> **EXERCISE REQUIREMENTS**
Return exactly the lines of the records below, starting at the line that contains "#54=IFCINDEXEDPOLYGONALFACE((63,69,70,64));" and ending at the line that contains "#56=IFCINDEXEDPOLYGONALFACE((69,71,72,70));", with both of those lines kept.
START DATASET EXCERPTS
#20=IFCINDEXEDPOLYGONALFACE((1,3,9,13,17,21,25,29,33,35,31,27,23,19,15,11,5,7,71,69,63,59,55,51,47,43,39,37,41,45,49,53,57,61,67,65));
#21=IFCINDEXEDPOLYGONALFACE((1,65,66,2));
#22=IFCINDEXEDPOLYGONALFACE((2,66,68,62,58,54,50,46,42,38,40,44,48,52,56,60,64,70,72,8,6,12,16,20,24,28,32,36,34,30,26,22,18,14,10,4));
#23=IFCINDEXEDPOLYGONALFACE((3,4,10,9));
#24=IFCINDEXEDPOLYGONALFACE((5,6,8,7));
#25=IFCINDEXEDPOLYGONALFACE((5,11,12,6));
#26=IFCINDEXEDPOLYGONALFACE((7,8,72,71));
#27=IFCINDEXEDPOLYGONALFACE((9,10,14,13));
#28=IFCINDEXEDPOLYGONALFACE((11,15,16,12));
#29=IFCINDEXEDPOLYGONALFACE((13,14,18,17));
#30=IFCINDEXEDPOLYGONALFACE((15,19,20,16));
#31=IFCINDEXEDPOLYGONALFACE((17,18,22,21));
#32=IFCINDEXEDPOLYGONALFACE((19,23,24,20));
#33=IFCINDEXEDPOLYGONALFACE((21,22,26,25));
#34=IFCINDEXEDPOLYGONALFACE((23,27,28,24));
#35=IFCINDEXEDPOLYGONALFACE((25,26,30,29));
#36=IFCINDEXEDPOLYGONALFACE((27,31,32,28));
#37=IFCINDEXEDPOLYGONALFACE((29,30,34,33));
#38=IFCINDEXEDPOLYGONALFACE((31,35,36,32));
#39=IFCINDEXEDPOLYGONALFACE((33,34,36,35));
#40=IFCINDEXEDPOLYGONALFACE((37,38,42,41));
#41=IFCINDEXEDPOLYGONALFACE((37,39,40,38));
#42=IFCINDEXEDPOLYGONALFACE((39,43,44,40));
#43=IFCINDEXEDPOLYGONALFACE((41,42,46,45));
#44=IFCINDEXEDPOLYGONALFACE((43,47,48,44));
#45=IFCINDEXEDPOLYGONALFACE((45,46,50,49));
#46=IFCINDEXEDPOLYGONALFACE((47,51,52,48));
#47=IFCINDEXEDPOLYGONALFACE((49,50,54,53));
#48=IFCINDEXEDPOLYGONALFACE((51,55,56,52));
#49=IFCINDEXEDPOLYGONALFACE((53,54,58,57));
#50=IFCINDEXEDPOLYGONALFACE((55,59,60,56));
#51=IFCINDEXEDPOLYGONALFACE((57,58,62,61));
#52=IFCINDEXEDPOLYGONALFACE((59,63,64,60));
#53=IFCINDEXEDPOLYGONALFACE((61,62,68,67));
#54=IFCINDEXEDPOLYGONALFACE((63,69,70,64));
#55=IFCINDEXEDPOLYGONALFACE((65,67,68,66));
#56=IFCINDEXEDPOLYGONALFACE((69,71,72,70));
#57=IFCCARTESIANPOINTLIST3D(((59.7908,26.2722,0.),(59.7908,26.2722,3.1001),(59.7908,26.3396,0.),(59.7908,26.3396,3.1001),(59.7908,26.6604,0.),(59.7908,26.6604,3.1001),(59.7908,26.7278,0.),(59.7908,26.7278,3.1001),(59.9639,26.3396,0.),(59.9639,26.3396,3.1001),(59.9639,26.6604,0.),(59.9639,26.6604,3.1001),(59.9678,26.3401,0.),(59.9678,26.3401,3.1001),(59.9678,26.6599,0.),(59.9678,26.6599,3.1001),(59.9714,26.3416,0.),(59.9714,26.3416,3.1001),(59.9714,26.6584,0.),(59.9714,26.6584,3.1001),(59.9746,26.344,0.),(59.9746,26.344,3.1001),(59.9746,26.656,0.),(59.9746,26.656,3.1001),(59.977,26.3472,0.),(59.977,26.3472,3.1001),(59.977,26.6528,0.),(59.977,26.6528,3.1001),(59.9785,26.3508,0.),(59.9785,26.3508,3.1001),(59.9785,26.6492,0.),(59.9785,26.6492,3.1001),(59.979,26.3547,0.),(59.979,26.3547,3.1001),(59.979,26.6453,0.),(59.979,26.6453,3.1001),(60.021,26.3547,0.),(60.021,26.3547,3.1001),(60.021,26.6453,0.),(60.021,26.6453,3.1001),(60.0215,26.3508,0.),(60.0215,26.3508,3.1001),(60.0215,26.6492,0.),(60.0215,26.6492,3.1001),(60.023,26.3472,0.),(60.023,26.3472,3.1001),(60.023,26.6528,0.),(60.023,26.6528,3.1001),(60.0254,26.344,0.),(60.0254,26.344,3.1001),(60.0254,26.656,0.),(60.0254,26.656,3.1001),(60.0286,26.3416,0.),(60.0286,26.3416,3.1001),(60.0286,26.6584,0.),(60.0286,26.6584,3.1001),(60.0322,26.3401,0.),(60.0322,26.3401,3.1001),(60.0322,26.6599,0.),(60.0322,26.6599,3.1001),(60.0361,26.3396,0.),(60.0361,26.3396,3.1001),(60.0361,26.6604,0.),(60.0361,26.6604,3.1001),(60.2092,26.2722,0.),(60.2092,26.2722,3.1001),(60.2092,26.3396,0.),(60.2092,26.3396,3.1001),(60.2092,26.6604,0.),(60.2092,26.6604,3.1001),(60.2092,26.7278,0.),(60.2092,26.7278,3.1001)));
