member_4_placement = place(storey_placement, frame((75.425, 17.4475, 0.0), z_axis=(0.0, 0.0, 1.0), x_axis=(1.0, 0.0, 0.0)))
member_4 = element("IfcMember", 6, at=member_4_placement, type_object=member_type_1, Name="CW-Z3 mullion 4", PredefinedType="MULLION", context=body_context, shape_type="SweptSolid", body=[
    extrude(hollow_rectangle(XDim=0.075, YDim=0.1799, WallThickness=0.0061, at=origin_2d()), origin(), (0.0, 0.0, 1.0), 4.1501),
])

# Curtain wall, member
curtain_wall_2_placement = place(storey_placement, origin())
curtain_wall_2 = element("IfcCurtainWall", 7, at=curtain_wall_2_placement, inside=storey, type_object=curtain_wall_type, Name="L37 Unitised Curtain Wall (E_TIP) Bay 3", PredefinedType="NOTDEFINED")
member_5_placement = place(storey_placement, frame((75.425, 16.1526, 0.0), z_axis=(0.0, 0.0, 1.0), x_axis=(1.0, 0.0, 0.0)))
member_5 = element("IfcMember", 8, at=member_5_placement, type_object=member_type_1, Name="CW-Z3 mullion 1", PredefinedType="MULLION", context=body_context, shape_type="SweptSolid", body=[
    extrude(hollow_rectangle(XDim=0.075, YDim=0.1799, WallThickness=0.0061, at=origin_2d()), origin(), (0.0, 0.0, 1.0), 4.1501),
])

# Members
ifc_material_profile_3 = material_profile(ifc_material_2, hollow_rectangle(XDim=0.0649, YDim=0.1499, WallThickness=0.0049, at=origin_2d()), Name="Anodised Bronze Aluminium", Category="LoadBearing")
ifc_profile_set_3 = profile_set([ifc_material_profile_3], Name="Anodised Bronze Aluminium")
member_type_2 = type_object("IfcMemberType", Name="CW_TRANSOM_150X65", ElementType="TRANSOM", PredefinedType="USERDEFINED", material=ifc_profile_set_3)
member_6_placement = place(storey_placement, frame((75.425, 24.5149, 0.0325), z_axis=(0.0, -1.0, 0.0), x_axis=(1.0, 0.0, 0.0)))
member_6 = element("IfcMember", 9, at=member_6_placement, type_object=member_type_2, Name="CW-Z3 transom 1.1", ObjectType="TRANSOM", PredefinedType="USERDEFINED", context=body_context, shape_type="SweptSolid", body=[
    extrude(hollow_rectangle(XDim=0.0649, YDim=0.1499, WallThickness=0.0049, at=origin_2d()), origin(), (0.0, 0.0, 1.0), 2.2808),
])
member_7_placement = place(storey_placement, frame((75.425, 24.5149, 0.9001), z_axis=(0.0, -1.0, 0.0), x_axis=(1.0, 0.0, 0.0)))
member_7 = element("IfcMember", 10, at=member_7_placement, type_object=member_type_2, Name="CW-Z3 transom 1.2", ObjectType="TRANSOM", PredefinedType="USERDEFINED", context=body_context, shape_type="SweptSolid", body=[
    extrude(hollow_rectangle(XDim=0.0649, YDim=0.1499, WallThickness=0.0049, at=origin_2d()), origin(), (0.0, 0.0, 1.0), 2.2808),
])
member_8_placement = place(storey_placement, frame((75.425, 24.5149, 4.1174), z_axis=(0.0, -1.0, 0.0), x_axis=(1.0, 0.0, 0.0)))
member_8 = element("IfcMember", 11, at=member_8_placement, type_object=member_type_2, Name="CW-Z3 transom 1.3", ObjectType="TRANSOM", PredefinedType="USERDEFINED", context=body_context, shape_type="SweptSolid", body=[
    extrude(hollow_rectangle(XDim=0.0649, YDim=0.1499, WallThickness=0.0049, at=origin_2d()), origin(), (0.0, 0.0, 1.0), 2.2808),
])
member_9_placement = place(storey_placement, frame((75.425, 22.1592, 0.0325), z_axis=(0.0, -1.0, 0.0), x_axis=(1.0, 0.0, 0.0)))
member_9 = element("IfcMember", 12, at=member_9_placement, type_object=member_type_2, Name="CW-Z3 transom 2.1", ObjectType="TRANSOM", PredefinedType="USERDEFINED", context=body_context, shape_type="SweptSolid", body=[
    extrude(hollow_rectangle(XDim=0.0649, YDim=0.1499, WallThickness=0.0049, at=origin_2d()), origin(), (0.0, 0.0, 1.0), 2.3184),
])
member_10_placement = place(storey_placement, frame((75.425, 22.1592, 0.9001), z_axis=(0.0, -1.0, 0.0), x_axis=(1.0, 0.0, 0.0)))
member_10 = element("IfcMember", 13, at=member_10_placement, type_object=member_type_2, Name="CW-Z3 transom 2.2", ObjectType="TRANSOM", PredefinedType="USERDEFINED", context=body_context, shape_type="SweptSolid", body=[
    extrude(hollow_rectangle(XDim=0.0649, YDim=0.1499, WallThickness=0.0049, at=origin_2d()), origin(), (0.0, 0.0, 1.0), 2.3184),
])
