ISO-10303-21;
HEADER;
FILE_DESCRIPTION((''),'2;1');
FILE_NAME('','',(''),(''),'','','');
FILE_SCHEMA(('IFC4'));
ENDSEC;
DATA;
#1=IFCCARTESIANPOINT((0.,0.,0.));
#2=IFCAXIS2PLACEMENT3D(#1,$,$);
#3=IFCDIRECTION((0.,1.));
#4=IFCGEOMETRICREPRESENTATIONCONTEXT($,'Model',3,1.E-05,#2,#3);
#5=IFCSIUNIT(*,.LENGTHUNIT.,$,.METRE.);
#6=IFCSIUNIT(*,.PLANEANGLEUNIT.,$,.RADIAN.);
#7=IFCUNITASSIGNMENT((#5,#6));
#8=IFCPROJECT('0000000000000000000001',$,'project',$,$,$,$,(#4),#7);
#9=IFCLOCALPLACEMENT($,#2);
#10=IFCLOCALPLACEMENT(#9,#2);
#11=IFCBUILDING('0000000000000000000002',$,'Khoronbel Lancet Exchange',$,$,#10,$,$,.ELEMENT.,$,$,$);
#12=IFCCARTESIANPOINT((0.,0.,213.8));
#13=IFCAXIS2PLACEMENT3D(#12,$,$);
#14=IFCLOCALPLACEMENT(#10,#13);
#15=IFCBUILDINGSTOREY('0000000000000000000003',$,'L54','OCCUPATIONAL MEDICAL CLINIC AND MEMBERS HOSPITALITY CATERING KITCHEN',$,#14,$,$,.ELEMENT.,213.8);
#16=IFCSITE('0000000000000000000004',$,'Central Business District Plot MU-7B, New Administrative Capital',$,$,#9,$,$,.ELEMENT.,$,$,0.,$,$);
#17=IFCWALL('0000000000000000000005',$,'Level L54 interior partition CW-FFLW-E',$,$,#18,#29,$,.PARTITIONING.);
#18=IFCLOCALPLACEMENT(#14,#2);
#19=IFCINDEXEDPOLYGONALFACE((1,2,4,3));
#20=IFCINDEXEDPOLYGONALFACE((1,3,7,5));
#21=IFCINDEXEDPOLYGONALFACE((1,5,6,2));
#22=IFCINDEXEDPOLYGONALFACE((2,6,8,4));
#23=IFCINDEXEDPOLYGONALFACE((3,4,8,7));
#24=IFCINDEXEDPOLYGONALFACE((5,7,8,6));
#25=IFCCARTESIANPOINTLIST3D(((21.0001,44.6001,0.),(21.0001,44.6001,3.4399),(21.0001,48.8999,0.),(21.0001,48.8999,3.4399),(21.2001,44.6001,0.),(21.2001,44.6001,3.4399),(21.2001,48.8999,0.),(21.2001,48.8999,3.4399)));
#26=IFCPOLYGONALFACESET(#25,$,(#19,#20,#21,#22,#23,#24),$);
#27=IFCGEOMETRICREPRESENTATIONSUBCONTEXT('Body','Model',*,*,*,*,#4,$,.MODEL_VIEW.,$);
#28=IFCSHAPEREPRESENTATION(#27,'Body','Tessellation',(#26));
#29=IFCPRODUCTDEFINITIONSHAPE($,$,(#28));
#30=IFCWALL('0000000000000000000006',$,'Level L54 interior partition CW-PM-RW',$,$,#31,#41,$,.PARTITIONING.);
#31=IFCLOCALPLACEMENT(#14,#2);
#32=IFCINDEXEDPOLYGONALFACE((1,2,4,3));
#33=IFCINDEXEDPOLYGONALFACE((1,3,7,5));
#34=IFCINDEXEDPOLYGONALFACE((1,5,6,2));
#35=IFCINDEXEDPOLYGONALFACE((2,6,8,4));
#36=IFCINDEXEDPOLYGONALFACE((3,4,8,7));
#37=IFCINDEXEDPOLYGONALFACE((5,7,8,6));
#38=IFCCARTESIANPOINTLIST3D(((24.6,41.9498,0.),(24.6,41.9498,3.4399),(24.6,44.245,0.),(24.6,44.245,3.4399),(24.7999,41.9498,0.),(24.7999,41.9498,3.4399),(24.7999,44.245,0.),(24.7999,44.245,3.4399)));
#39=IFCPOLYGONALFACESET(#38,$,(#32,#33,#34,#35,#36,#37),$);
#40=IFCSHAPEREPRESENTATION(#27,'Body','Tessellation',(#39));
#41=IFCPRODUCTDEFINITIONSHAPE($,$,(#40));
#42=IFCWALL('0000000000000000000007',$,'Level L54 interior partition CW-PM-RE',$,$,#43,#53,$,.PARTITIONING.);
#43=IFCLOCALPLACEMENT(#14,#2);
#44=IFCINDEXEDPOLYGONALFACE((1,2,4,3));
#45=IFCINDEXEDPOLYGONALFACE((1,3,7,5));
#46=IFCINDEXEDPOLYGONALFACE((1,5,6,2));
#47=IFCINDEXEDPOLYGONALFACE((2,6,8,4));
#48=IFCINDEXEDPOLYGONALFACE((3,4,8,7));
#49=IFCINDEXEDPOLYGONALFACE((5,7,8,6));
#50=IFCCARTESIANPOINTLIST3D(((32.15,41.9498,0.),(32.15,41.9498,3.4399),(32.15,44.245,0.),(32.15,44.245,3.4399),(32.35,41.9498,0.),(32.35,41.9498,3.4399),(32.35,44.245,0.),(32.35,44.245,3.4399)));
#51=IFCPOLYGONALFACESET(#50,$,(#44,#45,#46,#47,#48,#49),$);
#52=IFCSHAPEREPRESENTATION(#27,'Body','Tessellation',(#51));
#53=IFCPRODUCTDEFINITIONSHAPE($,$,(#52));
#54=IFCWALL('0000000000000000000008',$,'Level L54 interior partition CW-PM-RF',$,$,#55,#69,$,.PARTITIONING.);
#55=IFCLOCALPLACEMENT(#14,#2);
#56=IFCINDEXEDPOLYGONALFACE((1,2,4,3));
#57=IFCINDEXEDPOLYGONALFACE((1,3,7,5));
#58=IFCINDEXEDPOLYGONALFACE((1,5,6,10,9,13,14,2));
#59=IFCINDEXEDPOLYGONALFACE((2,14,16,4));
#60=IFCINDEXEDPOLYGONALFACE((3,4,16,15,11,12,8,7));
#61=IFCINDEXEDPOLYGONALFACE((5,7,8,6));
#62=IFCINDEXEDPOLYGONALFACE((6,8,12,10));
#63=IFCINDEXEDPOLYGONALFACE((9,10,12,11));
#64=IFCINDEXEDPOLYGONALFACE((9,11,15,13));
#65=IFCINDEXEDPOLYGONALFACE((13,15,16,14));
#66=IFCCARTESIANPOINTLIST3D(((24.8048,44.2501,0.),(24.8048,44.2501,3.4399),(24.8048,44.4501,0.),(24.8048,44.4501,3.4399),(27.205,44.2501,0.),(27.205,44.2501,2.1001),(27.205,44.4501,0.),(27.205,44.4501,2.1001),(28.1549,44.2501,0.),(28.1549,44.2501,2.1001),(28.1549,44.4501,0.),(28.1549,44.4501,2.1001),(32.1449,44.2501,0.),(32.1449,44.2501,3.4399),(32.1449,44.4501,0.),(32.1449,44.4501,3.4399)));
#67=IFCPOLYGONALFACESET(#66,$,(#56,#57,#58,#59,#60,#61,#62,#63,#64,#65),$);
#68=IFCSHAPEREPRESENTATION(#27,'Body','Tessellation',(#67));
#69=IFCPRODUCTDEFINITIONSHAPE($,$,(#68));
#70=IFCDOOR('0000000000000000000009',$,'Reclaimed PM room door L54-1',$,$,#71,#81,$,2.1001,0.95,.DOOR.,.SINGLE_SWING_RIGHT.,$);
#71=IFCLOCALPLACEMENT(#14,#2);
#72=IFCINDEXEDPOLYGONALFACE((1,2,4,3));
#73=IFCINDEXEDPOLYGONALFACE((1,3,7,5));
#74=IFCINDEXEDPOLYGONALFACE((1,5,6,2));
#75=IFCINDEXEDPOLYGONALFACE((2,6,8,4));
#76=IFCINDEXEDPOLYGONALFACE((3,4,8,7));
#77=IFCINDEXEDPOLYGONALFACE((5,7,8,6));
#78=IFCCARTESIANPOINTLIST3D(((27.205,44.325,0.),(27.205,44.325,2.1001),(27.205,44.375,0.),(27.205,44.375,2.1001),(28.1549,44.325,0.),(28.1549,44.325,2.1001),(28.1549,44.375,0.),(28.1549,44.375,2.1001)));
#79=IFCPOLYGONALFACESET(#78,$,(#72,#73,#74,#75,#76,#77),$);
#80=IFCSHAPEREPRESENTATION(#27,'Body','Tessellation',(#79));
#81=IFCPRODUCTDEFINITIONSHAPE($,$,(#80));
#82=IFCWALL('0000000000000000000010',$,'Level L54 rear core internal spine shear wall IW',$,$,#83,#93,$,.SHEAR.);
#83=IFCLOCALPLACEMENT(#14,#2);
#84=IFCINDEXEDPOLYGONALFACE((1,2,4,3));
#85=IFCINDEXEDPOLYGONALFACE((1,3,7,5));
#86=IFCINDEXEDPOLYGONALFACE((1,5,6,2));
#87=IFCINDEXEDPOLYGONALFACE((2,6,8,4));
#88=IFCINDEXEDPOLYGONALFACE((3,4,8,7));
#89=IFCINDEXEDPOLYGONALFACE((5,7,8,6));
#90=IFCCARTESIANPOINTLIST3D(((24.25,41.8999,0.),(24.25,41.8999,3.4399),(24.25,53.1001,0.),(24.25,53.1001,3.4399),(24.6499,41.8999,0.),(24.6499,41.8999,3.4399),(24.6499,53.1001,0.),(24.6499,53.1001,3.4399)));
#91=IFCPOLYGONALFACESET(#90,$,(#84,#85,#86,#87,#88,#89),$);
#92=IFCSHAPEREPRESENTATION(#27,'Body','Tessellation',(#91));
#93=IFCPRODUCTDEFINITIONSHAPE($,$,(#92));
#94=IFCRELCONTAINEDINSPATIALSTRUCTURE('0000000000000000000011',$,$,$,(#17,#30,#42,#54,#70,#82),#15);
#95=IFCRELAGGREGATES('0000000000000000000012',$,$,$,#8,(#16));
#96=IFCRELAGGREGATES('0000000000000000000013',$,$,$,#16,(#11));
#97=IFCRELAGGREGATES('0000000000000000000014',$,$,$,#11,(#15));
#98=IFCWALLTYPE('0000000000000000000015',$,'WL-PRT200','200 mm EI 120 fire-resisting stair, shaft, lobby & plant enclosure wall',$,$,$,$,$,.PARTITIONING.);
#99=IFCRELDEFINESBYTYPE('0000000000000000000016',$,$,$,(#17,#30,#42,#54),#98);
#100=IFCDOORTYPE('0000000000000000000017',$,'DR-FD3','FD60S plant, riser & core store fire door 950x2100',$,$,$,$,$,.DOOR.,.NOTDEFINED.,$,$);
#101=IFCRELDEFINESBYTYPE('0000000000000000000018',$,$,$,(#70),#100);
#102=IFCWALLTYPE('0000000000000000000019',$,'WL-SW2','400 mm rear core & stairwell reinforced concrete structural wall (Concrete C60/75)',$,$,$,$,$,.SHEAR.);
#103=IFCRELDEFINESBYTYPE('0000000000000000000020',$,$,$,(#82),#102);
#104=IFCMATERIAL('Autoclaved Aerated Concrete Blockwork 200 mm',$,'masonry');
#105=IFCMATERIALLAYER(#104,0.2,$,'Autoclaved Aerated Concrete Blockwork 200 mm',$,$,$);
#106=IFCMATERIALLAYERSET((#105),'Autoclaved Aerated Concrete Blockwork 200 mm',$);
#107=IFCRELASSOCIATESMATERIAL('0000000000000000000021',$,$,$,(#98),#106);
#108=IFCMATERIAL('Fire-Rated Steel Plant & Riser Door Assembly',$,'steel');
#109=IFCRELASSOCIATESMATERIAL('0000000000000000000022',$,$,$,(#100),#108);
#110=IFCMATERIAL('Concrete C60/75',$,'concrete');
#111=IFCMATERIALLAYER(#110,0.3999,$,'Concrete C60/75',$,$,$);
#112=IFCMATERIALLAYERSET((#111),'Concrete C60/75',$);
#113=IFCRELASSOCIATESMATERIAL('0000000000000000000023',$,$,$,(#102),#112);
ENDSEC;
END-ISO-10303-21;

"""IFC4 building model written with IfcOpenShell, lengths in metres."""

from ifc_helpers import new_model, si_unit, direction, frame, frame_2d, origin, place, context, subcontext, project, spatial, rectangle, extrude, material, layer, layer_set, type_object, element, fill, save


model = new_model("IFC4")

# Units and contexts
model_context = context("Model", 3, precision=1e-05, world=origin(), true_north=direction((0.0, 1.0)))
body_context = subcontext(model_context, "Body", "Model", "MODEL_VIEW")
ifc_project = project(units=[si_unit("LENGTHUNIT", "METRE"), si_unit("PLANEANGLEUNIT", "RADIAN")], contexts=[model_context])

# Site, building, storey
site_placement = place(None, origin())
site = spatial("IfcSite", under=ifc_project, at=site_placement, Name="Central Business District Plot MU-7B, New Administrative Capital", CompositionType="ELEMENT", RefElevation=0.0)
building_placement = place(site_placement, origin())
building = spatial("IfcBuilding", under=site, at=building_placement, Name="Khoronbel Lancet Exchange", CompositionType="ELEMENT")
storey_placement = place(building_placement, frame((0.0, 0.0, 213.8)))
storey = spatial("IfcBuildingStorey", under=building, at=storey_placement, Name="L54", Description="OCCUPATIONAL MEDICAL CLINIC AND MEMBERS HOSPITALITY CATERING KITCHEN", CompositionType="ELEMENT", Elevation=213.8)

# Shared definitions
ifc_material_1 = material(Name="Concrete C60/75", Category="concrete")

# Shared definitions
ifc_material_2 = material(Name="Autoclaved Aerated Concrete Blockwork 200 mm", Category="masonry")
ifc_layer_1 = layer(ifc_material_2, 0.2, Name="Autoclaved Aerated Concrete Blockwork 200 mm")
ifc_layer_set_1 = layer_set([ifc_layer_1], Name="Autoclaved Aerated Concrete Blockwork 200 mm")
wall_type_1 = type_object("IfcWallType", Name="WL-PRT200", Description="200 mm EI 120 fire-resisting stair, shaft, lobby & plant enclosure wall", PredefinedType="PARTITIONING", material=ifc_layer_set_1)

# Wall
wall_1_placement = place(storey_placement, frame((21.1001, 44.6001, 0.0), z_axis=(0.0, 0.0, 1.0), x_axis=(0.0, 1.0, 0.0)))
element("IfcWall", 1, at=wall_1_placement, inside=storey, type_object=wall_type_1, Name="Level L54 interior partition CW-FFLW-E", PredefinedType="PARTITIONING", context=body_context, shape_type="SweptSolid", body=[
    extrude(rectangle(XDim=4.2998, YDim=0.2, at=frame_2d((2.1499, 0.0))), origin(), (0.0, 0.0, 1.0), 3.4399),
])

# Walls
for number, where, z_axis, x_axis, name in (
    (2, (24.7, 41.95, 0.0), (0.0, 0.0, 1.0), (0.0, 1.0, 0.0), "Level L54 interior partition CW-PM-RW"),
    (3, (32.25, 41.95, 0.0), (0.0, 0.0, 1.0), (0.0, 1.0, 0.0), "Level L54 interior partition CW-PM-RE"),
):
    element("IfcWall", number, at=place(storey_placement, frame(where, z_axis=z_axis, x_axis=x_axis)), inside=storey, type_object=wall_type_1, Name=name, PredefinedType="PARTITIONING", context=body_context, shape_type="SweptSolid", body=[
        extrude(rectangle(XDim=2.2952, YDim=0.2, at=frame_2d((1.1475, 0.0))), origin(), (0.0, 0.0, 1.0), 3.4399),
    ])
END DATASET EXCERPTS
> **ANSWER FOR THE TASK**
#54=IFCINDEXEDPOLYGONALFACE((63,69,70,64));
#55=IFCINDEXEDPOLYGONALFACE((65,67,68,66));
#56=IFCINDEXEDPOLYGONALFACE((69,71,72,70));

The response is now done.